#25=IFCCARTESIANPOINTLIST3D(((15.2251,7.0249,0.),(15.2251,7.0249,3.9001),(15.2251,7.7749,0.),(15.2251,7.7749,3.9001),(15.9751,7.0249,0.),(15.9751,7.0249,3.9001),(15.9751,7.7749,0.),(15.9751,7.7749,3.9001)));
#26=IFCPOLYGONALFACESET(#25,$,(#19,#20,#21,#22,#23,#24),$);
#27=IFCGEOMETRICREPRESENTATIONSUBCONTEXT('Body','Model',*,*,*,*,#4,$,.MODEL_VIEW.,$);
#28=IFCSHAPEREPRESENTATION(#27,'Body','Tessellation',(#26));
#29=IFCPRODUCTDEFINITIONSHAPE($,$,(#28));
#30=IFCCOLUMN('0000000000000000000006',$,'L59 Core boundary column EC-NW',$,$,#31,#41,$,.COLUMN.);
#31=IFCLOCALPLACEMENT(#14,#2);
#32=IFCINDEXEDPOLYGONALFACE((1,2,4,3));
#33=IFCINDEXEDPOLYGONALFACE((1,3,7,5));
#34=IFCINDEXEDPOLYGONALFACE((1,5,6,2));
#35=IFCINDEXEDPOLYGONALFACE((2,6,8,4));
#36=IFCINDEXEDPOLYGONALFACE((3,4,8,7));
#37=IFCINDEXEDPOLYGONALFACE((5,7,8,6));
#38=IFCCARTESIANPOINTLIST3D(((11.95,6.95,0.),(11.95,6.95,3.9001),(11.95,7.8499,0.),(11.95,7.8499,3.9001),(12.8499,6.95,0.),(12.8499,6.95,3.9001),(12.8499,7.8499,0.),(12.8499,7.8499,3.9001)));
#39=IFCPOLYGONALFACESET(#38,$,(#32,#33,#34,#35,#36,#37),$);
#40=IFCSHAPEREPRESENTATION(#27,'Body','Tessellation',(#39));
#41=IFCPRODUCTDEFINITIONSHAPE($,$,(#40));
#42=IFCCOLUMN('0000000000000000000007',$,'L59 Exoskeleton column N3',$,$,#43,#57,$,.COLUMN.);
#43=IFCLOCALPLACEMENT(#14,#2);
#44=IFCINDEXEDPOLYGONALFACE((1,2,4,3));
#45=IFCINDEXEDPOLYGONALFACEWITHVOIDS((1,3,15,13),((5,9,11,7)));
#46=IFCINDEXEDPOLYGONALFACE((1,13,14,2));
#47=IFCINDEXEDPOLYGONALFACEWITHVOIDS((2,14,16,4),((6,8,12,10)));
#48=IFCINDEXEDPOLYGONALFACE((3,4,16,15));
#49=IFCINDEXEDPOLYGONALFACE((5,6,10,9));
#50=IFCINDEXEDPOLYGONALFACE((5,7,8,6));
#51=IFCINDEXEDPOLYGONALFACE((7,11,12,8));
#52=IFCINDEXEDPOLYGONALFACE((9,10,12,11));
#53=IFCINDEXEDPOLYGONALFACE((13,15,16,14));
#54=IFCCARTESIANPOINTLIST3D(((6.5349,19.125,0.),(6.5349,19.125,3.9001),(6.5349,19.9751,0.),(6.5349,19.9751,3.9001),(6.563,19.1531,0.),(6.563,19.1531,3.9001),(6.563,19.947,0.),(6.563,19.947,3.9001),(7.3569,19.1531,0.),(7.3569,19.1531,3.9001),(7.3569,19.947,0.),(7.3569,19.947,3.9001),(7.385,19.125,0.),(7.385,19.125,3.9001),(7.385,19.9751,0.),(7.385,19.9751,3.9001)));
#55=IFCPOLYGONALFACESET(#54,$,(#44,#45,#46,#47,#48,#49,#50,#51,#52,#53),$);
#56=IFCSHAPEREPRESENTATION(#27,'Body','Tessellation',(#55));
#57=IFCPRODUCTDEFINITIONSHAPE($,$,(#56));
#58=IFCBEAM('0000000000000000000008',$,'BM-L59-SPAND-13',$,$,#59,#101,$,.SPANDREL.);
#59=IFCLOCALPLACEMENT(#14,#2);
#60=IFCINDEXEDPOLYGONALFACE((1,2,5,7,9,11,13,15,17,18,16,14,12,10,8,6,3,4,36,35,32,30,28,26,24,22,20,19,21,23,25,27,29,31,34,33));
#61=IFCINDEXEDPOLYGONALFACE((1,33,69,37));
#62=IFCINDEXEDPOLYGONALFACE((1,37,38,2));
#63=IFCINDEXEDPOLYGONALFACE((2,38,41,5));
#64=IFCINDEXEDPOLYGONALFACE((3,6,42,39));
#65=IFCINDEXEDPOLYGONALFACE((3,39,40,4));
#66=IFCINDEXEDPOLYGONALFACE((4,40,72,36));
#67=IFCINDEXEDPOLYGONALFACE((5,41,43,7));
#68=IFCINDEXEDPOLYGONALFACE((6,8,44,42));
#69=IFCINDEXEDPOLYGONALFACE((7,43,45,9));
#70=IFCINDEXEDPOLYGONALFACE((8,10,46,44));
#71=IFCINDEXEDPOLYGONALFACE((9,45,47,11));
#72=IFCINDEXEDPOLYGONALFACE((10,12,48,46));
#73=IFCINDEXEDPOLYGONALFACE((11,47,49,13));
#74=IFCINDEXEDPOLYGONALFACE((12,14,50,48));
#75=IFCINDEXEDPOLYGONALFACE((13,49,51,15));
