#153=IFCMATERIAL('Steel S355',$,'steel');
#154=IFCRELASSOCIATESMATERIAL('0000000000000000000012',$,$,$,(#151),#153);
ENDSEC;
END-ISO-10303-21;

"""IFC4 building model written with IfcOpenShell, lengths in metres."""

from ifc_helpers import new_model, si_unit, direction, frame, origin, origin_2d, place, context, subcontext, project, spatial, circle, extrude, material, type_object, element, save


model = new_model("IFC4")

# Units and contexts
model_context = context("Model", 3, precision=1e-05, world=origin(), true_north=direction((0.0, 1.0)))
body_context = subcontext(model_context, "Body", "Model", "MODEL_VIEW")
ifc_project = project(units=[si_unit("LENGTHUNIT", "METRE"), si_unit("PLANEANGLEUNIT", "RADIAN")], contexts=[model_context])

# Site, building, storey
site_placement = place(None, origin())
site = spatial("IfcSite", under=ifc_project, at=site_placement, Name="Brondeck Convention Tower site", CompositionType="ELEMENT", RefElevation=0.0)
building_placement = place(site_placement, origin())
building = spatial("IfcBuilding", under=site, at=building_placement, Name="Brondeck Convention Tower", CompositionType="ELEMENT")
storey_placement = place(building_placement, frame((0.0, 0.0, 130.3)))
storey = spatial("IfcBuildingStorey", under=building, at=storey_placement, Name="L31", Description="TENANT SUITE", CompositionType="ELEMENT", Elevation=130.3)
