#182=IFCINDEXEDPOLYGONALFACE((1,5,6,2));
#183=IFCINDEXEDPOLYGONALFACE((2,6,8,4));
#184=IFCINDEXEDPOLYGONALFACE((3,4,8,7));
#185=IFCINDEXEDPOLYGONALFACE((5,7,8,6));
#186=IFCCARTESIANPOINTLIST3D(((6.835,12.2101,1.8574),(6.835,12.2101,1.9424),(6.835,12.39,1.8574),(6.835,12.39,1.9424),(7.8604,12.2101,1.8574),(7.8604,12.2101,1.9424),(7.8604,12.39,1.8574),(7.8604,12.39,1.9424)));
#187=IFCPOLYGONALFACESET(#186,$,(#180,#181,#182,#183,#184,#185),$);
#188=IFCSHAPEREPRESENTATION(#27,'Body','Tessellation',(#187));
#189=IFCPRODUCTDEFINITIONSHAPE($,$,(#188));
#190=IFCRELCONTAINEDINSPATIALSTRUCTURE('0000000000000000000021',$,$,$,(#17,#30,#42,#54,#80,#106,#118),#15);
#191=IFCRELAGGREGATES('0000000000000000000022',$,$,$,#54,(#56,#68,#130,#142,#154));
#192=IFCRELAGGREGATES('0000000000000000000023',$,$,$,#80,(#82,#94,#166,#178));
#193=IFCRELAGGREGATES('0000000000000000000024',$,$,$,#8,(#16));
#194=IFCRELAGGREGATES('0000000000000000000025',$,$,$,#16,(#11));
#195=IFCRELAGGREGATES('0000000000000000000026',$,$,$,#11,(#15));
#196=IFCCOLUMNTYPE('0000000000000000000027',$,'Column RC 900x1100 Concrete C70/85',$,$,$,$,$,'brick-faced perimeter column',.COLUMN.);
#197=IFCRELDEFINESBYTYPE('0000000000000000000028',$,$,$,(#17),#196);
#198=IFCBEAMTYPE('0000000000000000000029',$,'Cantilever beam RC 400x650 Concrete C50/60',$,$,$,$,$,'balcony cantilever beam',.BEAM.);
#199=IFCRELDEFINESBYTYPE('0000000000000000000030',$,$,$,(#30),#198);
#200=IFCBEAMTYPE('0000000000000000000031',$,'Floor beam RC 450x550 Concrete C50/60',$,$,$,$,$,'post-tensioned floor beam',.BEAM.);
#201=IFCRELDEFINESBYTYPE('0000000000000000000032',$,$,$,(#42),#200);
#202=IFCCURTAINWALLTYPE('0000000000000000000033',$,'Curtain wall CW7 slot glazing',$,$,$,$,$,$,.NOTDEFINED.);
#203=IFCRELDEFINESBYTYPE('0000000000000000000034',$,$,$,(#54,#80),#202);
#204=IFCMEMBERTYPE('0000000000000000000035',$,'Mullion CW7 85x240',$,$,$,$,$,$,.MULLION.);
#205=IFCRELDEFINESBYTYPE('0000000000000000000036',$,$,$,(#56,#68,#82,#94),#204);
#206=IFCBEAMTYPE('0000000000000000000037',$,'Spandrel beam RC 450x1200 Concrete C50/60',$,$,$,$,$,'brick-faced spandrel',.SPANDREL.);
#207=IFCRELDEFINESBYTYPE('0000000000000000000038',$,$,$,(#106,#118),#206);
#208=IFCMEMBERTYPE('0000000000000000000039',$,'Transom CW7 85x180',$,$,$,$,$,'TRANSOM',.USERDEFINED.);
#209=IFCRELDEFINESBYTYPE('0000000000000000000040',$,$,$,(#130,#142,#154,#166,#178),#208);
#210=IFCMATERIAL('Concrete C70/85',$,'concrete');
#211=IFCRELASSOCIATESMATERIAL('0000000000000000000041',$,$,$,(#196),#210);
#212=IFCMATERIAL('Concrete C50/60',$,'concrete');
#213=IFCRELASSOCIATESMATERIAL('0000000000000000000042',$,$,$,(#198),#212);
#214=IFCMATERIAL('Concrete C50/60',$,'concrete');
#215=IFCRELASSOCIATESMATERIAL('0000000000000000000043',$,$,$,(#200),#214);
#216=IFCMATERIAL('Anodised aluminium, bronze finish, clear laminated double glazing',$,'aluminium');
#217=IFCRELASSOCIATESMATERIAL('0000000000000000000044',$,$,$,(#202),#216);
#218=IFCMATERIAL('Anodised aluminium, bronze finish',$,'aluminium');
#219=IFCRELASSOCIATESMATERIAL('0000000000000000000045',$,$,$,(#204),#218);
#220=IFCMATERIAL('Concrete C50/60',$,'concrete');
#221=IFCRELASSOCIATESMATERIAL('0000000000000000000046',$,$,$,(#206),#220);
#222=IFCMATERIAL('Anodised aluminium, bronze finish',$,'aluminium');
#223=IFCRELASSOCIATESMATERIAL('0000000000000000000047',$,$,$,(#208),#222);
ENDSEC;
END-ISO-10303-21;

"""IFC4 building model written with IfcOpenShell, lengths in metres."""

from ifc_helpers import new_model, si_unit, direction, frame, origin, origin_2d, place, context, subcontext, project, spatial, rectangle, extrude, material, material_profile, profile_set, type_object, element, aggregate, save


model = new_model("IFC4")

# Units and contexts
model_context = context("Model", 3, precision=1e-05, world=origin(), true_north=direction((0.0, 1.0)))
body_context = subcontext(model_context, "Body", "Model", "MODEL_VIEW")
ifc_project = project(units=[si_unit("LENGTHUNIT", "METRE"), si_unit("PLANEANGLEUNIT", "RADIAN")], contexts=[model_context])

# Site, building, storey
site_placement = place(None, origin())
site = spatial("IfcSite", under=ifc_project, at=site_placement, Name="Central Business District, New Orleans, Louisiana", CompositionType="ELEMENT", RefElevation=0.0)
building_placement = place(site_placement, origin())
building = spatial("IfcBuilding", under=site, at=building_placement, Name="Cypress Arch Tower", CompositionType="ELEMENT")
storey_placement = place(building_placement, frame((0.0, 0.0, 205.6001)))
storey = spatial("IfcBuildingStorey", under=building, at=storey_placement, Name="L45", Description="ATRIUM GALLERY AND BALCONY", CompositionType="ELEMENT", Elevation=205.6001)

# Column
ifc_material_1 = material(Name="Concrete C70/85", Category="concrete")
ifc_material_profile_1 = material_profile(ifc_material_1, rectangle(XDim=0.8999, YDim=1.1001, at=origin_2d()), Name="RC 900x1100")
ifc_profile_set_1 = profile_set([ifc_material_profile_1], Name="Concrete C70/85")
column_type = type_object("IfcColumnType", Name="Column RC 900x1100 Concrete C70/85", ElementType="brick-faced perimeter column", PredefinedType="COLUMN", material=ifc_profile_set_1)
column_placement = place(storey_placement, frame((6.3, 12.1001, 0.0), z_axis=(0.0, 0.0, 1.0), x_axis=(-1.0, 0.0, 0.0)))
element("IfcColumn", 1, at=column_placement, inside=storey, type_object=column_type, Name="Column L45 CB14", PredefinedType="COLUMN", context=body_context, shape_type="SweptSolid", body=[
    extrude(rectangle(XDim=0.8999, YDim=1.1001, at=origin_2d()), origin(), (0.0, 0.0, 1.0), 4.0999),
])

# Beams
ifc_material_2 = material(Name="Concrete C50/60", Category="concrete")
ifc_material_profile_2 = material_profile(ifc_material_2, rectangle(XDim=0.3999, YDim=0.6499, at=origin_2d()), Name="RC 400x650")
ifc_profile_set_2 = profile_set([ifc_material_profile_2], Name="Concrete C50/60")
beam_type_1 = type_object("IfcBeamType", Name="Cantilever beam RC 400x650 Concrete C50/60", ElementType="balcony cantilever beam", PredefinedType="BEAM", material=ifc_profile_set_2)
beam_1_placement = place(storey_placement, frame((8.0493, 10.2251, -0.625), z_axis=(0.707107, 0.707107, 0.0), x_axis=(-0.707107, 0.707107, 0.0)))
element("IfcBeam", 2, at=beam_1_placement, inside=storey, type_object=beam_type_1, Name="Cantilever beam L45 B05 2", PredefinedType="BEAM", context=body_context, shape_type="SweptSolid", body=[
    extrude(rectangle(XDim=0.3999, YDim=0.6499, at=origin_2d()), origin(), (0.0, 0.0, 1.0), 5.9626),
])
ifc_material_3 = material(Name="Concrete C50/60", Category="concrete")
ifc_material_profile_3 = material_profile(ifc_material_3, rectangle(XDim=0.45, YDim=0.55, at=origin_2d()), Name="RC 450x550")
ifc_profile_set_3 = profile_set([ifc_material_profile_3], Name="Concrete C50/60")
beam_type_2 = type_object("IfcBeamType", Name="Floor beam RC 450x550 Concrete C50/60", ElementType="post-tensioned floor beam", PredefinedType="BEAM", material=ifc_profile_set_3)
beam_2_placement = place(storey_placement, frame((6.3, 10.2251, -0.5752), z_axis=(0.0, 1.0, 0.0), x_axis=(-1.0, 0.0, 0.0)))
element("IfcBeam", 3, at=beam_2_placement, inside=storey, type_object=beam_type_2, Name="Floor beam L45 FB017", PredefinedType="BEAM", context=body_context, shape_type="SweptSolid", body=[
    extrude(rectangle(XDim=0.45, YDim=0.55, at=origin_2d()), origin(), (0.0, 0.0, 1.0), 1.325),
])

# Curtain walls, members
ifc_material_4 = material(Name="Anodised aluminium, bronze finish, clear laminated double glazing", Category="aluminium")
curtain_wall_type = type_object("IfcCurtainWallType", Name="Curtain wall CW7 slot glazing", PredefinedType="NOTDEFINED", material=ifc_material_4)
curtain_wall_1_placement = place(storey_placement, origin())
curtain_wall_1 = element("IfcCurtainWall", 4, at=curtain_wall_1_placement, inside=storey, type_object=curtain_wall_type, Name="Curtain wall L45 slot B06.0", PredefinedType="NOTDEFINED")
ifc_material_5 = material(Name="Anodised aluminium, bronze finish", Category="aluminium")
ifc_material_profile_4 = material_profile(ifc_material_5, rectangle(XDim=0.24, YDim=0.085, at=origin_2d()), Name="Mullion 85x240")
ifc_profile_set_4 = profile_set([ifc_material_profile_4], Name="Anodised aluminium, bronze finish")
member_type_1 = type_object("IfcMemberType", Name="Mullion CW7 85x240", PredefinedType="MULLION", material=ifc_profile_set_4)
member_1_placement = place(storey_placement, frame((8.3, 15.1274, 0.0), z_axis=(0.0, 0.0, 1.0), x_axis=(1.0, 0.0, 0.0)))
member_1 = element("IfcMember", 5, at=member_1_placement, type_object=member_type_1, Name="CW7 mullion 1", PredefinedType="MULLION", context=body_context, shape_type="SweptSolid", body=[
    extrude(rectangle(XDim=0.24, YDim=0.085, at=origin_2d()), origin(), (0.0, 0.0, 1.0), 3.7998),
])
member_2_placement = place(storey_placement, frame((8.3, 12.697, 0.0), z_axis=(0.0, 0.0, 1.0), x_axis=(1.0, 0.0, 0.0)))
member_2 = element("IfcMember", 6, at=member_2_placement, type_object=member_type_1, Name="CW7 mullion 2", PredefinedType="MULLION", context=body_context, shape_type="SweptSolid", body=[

Task details: In the entries above, how many lines hold the word "clear"? Answer with the number only.

Exercise solution: 2